** Opening Entries shown block **

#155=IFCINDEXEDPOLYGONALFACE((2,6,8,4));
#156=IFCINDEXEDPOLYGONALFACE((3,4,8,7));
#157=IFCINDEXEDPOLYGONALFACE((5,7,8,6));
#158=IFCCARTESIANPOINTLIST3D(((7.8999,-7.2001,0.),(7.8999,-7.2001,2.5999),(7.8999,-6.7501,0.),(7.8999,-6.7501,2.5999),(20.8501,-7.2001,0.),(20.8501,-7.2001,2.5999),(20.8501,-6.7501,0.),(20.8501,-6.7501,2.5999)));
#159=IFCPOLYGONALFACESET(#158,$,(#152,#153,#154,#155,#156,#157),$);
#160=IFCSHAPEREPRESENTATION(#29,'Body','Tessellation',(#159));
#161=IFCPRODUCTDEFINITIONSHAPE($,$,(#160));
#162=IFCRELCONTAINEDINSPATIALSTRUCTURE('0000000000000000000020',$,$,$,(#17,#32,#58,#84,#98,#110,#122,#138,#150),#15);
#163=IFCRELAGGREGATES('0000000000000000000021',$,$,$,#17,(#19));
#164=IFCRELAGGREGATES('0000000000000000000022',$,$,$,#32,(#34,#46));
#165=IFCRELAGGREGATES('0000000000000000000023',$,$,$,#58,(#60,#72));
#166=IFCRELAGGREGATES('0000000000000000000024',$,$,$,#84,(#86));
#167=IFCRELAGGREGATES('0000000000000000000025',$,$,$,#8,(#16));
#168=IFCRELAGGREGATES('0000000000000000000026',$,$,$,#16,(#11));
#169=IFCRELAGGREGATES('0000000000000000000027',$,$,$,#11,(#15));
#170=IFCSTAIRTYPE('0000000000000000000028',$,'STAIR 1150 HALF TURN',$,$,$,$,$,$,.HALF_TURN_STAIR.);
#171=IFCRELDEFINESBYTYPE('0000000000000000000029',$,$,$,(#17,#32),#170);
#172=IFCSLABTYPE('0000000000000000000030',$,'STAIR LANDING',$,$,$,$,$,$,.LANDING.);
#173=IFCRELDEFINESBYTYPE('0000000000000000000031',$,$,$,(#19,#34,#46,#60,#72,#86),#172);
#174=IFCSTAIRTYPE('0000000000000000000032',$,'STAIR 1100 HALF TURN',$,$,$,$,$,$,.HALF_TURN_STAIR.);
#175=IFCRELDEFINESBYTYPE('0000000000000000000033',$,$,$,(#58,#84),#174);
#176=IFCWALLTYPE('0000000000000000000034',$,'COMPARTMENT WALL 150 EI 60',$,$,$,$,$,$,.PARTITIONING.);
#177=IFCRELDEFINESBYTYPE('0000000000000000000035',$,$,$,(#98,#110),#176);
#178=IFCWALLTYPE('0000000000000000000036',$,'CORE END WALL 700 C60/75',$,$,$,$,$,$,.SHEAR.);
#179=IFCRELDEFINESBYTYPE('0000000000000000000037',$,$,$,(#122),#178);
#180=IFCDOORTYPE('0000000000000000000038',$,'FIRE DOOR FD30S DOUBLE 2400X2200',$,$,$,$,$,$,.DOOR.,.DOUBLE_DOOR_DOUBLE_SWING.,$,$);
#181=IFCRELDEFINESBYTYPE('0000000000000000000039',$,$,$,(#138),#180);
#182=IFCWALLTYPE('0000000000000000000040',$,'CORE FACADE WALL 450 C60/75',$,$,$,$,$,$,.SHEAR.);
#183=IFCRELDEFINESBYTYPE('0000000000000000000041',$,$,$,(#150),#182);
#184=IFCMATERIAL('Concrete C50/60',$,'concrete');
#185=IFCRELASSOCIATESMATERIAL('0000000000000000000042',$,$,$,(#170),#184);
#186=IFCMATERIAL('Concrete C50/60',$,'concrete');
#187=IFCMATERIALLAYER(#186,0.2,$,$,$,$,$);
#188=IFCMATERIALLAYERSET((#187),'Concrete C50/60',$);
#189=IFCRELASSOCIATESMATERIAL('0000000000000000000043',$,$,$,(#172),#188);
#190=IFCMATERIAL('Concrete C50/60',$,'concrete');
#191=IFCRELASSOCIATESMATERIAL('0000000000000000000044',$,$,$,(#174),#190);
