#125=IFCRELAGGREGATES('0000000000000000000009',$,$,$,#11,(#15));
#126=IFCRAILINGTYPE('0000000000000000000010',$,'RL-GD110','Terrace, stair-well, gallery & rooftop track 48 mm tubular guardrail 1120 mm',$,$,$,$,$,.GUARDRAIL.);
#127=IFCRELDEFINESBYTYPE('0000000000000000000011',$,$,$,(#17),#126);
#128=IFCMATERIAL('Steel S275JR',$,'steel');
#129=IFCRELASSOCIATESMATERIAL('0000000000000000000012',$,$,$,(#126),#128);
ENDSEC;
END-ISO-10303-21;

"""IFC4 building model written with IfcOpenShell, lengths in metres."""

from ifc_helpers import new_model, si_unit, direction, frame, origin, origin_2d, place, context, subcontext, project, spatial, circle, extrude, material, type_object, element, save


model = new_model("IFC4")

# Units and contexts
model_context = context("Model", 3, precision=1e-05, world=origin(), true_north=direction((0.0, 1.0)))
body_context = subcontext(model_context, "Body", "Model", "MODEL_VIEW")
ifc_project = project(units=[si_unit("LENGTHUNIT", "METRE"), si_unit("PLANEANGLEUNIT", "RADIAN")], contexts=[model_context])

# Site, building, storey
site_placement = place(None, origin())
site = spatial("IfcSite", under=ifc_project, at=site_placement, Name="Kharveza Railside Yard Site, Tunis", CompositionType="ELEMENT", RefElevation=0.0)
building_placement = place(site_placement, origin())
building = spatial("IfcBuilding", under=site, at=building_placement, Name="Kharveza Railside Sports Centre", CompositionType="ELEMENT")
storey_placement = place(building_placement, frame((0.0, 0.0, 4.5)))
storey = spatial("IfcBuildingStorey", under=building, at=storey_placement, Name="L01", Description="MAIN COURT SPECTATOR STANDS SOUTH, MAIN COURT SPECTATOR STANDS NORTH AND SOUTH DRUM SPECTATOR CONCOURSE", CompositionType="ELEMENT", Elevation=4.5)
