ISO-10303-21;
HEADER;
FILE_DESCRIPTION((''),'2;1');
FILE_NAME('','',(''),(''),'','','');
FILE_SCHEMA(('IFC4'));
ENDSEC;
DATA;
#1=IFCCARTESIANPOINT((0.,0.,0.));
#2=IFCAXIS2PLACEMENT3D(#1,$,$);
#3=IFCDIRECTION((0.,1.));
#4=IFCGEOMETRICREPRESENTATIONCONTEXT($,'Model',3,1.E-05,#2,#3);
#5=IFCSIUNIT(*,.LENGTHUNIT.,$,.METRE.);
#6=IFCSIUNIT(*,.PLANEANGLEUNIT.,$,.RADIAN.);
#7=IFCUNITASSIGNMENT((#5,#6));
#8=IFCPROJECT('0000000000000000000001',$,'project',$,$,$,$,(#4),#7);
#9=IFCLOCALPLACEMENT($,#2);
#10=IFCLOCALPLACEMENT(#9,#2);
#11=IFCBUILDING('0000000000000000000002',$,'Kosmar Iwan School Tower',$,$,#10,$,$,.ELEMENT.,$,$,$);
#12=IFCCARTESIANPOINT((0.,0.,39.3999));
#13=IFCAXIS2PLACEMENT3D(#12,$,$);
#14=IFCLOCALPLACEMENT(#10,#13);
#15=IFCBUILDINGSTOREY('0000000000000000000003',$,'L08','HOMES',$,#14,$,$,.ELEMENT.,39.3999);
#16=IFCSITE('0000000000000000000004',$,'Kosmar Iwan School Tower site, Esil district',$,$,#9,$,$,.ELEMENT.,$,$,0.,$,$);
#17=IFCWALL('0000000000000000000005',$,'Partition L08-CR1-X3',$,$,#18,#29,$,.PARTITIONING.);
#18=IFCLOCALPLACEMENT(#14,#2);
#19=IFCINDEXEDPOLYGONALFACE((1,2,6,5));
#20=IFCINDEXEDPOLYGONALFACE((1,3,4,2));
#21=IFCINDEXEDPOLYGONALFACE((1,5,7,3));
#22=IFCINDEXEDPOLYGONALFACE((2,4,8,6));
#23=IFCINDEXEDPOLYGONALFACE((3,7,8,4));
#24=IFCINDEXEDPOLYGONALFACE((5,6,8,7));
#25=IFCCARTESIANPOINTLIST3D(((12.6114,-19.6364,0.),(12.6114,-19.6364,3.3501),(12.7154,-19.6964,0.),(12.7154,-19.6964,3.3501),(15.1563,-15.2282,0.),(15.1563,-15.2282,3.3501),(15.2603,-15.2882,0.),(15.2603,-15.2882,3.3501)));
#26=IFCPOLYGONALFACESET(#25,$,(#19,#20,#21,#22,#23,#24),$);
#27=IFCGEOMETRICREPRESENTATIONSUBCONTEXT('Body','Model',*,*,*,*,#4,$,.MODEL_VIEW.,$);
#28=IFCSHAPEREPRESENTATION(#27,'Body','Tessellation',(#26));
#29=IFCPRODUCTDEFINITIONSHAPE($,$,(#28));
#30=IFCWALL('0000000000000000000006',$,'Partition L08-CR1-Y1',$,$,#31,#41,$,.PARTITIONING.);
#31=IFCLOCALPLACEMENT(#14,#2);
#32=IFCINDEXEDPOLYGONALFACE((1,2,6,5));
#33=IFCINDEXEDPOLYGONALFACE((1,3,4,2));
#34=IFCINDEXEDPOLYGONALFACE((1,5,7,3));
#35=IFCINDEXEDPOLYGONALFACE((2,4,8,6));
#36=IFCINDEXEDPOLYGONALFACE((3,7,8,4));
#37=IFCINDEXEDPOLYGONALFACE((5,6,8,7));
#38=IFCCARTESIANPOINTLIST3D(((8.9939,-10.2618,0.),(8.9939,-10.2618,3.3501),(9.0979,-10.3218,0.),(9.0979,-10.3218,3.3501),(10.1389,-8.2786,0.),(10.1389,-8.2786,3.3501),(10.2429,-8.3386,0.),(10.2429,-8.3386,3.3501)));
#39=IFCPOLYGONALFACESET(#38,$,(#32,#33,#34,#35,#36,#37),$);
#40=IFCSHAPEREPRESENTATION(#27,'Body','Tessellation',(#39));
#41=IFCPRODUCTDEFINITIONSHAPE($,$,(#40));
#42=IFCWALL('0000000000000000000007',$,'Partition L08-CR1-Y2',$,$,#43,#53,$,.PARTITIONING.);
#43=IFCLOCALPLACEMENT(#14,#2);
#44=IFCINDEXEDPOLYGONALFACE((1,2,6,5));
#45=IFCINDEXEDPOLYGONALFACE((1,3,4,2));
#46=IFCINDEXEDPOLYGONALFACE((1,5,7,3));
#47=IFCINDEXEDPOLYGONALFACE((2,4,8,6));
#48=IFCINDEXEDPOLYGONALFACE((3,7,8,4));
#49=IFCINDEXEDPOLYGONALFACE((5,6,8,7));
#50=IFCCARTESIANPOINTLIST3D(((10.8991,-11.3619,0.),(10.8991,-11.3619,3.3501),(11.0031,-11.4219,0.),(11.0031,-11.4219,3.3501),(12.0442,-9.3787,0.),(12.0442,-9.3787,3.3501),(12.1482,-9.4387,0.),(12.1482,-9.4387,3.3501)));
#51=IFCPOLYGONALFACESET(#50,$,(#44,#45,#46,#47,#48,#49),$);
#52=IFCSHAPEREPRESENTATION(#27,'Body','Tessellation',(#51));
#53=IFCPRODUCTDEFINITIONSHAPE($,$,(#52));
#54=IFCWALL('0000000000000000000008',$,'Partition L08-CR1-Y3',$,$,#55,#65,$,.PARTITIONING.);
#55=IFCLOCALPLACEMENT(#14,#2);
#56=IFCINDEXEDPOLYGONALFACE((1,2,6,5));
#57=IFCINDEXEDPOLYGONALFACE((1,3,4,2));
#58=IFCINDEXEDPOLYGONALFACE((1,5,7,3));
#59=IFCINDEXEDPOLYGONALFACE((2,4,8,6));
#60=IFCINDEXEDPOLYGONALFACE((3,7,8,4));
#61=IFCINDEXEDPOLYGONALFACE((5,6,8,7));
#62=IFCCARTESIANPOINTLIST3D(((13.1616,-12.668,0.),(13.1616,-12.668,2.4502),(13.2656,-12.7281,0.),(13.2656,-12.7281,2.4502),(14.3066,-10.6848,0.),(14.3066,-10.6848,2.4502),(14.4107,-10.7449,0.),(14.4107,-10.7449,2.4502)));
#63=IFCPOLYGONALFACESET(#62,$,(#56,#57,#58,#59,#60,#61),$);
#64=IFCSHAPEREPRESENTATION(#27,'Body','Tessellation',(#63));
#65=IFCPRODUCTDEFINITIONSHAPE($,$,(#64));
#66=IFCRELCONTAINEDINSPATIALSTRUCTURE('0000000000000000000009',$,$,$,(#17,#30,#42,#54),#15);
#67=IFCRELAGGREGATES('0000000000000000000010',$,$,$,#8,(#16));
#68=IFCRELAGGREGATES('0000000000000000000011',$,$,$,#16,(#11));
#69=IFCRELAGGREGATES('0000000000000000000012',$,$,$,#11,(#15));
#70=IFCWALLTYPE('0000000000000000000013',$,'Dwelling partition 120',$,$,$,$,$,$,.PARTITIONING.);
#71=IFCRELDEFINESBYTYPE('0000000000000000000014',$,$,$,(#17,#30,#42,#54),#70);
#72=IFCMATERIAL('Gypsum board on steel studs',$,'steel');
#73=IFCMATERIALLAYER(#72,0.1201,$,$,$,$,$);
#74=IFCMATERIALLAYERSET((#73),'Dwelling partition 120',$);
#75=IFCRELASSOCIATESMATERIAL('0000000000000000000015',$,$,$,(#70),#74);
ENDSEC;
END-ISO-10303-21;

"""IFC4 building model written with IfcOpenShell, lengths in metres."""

from ifc_helpers import new_model, si_unit, direction, frame, frame_2d, origin, place, context, subcontext, project, spatial, rectangle, extrude, material, layer, layer_set, type_object, element, save


model = new_model("IFC4")

# Units and contexts
model_context = context("Model", 3, precision=1e-05, world=origin(), true_north=direction((0.0, 1.0)))
body_context = subcontext(model_context, "Body", "Model", "MODEL_VIEW")
ifc_project = project(units=[si_unit("LENGTHUNIT", "METRE"), si_unit("PLANEANGLEUNIT", "RADIAN")], contexts=[model_context])

# Site, building, storey
site_placement = place(None, origin())
site = spatial("IfcSite", under=ifc_project, at=site_placement, Name="Kosmar Iwan School Tower site, Esil district", CompositionType="ELEMENT", RefElevation=0.0)
building_placement = place(site_placement, origin())
building = spatial("IfcBuilding", under=site, at=building_placement, Name="Kosmar Iwan School Tower", CompositionType="ELEMENT")
storey_placement = place(building_placement, frame((0.0, 0.0, 39.3999)))
storey = spatial("IfcBuildingStorey", under=building, at=storey_placement, Name="L08", Description="HOMES", CompositionType="ELEMENT", Elevation=39.3999)

# Shared definitions
ifc_material_1 = material(Name="Gypsum board on steel studs", Category="steel")
ifc_layer_1 = layer(ifc_material_1, 0.1201)
ifc_layer_set_1 = layer_set([ifc_layer_1], Name="Dwelling partition 120")
wall_type_1 = type_object("IfcWallType", Name="Dwelling partition 120", PredefinedType="PARTITIONING", material=ifc_layer_set_1)

# Walls
wall_1_placement = place(storey_placement, frame((15.2083, -15.2583, 0.0), z_axis=(0.0, 0.0, 1.0), x_axis=(-0.499977, -0.866039, 0.0)))
element("IfcWall", 1, at=wall_1_placement, inside=storey, type_object=wall_type_1, Name="Partition L08-CR1-X3", PredefinedType="PARTITIONING", context=body_context, shape_type="SweptSolid", body=[
    extrude(rectangle(XDim=5.0901, YDim=0.1201, at=frame_2d((2.5449, 0.0))), origin(), (0.0, 0.0, 1.0), 3.3501),
])
for number, where, z_axis, x_axis, name in (
    (2, (10.1909, -8.3086, 0.0), (0.0, 0.0, 1.0), (-0.500015, -0.866017, 0.0), "Partition L08-CR1-Y1"),
    (3, (12.0962, -9.4087, 0.0), (0.0, 0.0, 1.0), (-0.500015, -0.866017, 0.0), "Partition L08-CR1-Y2"),
):
    element("IfcWall", number, at=place(storey_placement, frame(where, z_axis=z_axis, x_axis=x_axis)), inside=storey, type_object=wall_type_1, Name=name, PredefinedType="PARTITIONING", context=body_context, shape_type="SweptSolid", body=[
        extrude(rectangle(XDim=2.29, YDim=0.1201, at=frame_2d((1.145, 0.0))), origin(), (0.0, 0.0, 1.0), 3.3501),
    ])
wall_2_placement = place(storey_placement, frame((14.3586, -10.7148, 0.0), z_axis=(0.0, 0.0, 1.0), x_axis=(-0.500015, -0.866017, 0.0)))
element("IfcWall", 4, at=wall_2_placement, inside=storey, type_object=wall_type_1, Name="Partition L08-CR1-Y3", PredefinedType="PARTITIONING", context=body_context, shape_type="SweptSolid", body=[
    extrude(rectangle(XDim=2.29, YDim=0.1201, at=frame_2d((1.145, 0.0))), origin(), (0.0, 0.0, 1.0), 2.4502),
])

save(model, "model.ifc")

** Closing Entries shown block **

§ What to do
Copy each line above where "IFCSTAIRTYPE" appears.

§ Worked solution
#170=IFCSTAIRTYPE('0000000000000000000028',$,'STAIR 1150 HALF TURN',$,$,$,$,$,$,.HALF_TURN_STAIR.);
#174=IFCSTAIRTYPE('0000000000000000000032',$,'STAIR 1100 HALF TURN',$,$,$,$,$,$,.HALF_TURN_STAIR.);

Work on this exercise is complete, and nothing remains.